[Dataset entries]
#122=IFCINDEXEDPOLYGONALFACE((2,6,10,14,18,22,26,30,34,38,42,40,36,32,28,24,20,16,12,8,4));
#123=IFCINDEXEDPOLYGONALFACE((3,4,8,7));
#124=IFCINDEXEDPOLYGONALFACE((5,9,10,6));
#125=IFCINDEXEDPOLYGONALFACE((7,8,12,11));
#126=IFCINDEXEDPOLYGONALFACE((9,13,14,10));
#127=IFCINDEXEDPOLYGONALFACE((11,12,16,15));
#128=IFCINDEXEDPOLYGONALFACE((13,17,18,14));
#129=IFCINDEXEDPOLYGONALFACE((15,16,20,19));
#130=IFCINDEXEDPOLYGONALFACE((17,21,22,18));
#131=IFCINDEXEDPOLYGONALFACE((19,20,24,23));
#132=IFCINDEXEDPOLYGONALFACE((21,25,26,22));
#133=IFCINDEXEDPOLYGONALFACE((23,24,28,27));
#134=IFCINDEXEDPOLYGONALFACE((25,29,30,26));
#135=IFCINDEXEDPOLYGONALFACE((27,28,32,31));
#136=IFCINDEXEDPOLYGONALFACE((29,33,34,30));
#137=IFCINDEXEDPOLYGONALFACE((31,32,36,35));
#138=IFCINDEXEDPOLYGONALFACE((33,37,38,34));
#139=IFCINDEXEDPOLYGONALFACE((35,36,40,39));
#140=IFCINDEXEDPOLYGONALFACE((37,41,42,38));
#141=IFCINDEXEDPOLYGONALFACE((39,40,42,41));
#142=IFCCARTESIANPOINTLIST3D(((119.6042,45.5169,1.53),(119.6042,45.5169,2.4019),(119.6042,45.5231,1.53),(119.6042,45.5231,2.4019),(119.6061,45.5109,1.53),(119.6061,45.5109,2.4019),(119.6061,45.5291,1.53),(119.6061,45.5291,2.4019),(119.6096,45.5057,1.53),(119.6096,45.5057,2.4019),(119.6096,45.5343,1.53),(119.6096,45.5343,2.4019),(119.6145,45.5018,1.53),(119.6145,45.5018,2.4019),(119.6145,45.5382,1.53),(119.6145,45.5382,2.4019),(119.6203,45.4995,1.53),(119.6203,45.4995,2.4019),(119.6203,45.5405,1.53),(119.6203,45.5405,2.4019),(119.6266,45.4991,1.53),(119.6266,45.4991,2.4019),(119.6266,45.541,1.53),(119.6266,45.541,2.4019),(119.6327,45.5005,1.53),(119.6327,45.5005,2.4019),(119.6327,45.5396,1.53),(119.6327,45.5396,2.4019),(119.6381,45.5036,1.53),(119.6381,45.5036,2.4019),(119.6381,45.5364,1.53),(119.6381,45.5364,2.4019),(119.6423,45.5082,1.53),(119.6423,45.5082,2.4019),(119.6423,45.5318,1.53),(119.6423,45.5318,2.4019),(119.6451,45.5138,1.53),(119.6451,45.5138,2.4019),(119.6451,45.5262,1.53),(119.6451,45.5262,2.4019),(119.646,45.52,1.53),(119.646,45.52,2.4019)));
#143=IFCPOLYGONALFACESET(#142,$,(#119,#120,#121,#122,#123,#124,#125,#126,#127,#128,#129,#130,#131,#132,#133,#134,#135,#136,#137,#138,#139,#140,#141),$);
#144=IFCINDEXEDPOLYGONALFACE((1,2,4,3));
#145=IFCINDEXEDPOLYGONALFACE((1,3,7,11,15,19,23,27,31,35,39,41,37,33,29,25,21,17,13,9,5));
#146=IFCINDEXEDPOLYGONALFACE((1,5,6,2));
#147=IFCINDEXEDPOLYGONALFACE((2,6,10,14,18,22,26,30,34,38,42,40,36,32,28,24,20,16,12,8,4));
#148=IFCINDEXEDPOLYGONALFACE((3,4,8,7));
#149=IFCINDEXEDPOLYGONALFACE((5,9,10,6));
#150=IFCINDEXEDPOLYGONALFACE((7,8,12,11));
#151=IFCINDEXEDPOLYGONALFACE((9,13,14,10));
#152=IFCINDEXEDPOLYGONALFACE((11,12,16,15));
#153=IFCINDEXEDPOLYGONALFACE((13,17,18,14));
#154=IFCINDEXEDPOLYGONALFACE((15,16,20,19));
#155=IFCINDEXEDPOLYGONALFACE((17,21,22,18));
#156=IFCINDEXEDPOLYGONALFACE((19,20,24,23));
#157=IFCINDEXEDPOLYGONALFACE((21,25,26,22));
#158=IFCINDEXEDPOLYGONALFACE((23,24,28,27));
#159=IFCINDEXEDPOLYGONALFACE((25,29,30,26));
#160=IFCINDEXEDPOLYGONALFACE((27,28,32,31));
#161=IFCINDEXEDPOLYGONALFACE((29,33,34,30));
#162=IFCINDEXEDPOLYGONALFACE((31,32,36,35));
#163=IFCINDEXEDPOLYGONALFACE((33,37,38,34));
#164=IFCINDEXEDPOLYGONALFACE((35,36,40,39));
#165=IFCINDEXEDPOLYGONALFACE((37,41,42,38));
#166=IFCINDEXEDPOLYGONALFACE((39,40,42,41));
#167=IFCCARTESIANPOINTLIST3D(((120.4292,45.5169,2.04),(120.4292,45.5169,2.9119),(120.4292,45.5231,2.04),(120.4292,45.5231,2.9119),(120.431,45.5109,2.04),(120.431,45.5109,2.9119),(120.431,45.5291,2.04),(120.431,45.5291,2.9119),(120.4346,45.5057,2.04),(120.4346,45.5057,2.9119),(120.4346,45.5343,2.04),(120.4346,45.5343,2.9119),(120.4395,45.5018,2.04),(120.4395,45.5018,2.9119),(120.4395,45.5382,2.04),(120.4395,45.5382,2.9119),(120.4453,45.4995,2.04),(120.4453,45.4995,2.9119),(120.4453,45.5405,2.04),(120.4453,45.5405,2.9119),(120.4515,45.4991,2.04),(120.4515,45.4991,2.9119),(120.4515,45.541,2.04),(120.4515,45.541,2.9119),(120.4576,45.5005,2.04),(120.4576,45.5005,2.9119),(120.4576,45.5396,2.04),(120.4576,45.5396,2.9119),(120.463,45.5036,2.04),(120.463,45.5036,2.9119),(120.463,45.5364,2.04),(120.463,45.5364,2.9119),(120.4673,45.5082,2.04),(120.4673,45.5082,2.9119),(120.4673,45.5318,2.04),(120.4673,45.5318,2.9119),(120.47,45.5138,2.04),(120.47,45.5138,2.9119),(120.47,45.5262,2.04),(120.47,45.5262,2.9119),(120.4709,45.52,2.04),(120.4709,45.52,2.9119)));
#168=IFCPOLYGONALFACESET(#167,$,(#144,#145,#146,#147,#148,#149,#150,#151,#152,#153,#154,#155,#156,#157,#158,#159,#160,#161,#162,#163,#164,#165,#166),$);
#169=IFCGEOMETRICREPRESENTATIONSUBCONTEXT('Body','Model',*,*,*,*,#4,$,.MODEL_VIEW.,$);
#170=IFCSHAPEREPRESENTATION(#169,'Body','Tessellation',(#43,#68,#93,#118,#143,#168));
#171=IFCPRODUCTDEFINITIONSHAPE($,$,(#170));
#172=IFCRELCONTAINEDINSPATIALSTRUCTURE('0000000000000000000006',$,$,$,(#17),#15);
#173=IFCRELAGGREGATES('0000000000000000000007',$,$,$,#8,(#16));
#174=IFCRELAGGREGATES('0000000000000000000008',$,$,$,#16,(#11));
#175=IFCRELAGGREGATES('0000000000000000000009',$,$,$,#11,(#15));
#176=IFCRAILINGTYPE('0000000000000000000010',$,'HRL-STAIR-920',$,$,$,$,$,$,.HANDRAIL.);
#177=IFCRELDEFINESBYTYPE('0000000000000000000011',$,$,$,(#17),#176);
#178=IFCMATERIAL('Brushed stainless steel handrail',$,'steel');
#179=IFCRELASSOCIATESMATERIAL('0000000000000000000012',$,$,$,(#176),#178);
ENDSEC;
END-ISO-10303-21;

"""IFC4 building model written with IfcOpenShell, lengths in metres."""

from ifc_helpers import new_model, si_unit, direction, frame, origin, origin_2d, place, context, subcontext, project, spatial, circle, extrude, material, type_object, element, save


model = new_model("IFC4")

* TASK REQUIREMENTS: Would you retype the lines above from the one with "#140=IFCINDEXEDPOLYGONALFACE((37,41,42,38));" down to the one with "#141=IFCINDEXEDPOLYGONALFACE((39,40,42,41));", word for word, both ends included and no other lines?

* ANSWER TO THIS PROBLEM:
#140=IFCINDEXEDPOLYGONALFACE((37,41,42,38));
#141=IFCINDEXEDPOLYGONALFACE((39,40,42,41));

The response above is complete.